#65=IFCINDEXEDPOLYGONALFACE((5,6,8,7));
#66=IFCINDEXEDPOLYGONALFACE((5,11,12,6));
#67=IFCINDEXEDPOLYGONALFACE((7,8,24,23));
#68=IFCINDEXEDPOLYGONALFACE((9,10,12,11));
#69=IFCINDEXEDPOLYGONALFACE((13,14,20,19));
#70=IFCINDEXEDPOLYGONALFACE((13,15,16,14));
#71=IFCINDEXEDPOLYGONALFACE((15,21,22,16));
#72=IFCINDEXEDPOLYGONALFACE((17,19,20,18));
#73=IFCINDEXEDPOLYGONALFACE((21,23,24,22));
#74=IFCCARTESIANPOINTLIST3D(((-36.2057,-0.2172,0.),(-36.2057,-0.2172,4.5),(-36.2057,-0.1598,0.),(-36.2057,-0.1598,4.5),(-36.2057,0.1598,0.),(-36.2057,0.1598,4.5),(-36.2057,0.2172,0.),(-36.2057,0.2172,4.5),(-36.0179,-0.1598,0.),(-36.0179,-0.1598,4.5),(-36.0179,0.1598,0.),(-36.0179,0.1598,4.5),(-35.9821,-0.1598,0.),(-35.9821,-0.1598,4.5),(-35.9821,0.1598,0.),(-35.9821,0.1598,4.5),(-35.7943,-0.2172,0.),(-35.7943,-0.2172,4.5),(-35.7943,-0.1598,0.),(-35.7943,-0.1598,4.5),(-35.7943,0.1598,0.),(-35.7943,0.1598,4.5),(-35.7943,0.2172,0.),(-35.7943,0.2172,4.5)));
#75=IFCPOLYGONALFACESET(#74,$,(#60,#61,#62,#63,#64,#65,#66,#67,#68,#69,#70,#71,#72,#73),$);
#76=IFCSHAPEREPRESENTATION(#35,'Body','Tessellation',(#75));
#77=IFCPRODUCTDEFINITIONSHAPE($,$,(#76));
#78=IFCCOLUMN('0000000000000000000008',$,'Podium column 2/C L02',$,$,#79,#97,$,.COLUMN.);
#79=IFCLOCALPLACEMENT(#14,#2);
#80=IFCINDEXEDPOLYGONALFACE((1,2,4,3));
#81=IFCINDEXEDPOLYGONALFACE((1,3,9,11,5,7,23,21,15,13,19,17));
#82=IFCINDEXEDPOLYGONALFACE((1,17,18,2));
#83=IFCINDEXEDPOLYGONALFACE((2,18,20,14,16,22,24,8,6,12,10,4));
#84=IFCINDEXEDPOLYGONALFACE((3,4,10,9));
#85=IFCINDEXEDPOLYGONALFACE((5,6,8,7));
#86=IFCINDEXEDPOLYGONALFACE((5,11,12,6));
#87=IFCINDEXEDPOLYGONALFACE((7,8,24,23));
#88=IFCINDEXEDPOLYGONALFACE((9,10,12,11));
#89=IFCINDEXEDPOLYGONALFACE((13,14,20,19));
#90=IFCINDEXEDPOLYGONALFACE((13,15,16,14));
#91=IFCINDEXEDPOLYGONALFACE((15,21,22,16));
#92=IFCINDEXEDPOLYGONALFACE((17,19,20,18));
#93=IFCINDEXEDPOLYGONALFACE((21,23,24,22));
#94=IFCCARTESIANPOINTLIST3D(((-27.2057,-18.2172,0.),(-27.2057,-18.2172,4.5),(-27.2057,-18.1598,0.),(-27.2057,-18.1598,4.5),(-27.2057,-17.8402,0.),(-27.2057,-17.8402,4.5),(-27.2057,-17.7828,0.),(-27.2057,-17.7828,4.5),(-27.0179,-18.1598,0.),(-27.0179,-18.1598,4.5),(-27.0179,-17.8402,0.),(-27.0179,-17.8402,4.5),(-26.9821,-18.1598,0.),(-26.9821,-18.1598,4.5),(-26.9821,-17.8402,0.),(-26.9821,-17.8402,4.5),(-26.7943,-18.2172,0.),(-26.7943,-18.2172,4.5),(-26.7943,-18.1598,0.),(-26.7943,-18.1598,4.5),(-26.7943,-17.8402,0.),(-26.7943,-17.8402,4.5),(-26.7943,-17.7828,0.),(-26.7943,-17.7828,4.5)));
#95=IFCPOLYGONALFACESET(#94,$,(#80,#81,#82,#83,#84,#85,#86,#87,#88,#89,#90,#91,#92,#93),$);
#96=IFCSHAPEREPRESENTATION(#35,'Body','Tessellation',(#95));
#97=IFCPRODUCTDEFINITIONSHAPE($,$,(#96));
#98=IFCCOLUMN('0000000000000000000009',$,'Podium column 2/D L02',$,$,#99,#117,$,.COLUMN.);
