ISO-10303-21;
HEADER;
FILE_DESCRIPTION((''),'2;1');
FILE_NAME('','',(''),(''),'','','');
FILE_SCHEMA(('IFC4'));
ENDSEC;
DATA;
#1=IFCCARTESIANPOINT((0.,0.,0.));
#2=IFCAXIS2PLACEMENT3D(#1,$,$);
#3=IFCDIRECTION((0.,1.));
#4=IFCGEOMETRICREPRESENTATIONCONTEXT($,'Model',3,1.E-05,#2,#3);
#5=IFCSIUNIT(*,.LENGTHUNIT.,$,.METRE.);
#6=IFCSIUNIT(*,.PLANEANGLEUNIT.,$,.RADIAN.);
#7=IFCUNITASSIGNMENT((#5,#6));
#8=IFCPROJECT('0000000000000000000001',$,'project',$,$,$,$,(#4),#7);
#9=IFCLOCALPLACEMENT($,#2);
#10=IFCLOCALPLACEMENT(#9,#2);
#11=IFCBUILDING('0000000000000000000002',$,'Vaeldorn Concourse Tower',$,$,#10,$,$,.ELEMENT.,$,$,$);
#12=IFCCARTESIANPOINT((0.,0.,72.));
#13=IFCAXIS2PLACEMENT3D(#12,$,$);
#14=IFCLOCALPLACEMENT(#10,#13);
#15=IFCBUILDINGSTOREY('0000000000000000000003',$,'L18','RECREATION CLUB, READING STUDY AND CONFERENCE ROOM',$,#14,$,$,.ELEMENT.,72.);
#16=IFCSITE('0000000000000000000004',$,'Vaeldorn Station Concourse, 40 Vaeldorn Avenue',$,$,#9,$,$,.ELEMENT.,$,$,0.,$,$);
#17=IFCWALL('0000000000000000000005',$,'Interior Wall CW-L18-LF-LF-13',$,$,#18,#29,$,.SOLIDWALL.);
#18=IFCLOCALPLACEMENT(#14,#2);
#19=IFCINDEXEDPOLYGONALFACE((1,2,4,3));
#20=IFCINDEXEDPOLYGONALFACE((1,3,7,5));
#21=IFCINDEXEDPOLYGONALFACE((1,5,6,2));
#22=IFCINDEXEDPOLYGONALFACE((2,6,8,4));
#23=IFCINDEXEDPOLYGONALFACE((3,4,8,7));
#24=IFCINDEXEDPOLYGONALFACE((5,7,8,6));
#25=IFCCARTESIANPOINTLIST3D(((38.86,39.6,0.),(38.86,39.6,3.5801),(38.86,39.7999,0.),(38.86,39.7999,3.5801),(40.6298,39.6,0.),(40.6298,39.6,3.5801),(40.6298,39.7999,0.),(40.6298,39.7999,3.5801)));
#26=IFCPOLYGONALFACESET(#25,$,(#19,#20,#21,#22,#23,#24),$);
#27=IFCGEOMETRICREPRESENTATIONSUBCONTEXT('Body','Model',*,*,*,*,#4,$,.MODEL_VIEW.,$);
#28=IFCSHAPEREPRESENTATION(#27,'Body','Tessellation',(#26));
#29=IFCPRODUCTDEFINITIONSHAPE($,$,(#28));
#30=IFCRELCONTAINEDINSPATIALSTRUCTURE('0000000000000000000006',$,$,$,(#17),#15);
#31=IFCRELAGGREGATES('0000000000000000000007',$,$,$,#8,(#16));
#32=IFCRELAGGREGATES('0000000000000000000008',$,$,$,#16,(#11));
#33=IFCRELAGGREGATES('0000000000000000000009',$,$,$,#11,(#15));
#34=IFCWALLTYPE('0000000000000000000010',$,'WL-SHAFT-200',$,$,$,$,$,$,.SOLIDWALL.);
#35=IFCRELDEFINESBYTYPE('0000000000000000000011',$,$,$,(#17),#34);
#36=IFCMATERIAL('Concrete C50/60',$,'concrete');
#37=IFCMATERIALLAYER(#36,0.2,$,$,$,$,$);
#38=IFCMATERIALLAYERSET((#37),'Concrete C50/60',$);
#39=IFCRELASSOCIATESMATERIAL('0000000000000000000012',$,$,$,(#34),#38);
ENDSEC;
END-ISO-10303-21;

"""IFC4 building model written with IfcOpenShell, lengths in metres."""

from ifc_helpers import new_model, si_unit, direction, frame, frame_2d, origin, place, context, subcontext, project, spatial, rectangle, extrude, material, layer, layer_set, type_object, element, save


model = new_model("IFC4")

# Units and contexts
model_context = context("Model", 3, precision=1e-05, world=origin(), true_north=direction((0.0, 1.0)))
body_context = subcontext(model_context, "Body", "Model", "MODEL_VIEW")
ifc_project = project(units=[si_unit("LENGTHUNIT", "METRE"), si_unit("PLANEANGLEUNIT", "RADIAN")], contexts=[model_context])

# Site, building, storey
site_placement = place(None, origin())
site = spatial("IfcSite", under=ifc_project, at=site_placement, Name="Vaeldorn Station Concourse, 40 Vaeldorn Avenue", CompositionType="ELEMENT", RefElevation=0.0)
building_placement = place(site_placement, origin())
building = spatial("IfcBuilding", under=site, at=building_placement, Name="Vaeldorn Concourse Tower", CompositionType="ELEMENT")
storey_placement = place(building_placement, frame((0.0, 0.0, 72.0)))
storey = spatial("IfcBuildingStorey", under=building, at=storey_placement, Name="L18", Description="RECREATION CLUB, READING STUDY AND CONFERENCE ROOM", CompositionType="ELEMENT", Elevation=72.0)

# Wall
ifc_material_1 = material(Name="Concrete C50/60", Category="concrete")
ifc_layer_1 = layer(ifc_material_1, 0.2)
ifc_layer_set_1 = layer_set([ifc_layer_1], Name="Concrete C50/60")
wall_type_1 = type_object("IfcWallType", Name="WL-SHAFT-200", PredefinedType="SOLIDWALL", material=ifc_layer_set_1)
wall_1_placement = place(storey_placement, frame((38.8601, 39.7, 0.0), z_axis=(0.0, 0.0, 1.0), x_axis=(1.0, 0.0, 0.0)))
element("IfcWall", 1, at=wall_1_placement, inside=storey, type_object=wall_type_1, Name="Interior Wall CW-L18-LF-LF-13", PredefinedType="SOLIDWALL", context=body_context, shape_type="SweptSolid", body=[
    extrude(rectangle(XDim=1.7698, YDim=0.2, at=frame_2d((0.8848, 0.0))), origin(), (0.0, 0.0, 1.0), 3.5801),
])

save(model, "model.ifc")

DIRECTIONS FOR THIS TASK.
The expected response is the material above given again line by line, from its first line to the line holding "#70=IFCINDEXEDPOLYGONALFACE((13,15,16,14));", inclusive.

RESPONSE BELOW.
#65=IFCINDEXEDPOLYGONALFACE((5,6,8,7));
#66=IFCINDEXEDPOLYGONALFACE((5,11,12,6));
#67=IFCINDEXEDPOLYGONALFACE((7,8,24,23));
#68=IFCINDEXEDPOLYGONALFACE((9,10,12,11));
#69=IFCINDEXEDPOLYGONALFACE((13,14,20,19));
#70=IFCINDEXEDPOLYGONALFACE((13,15,16,14));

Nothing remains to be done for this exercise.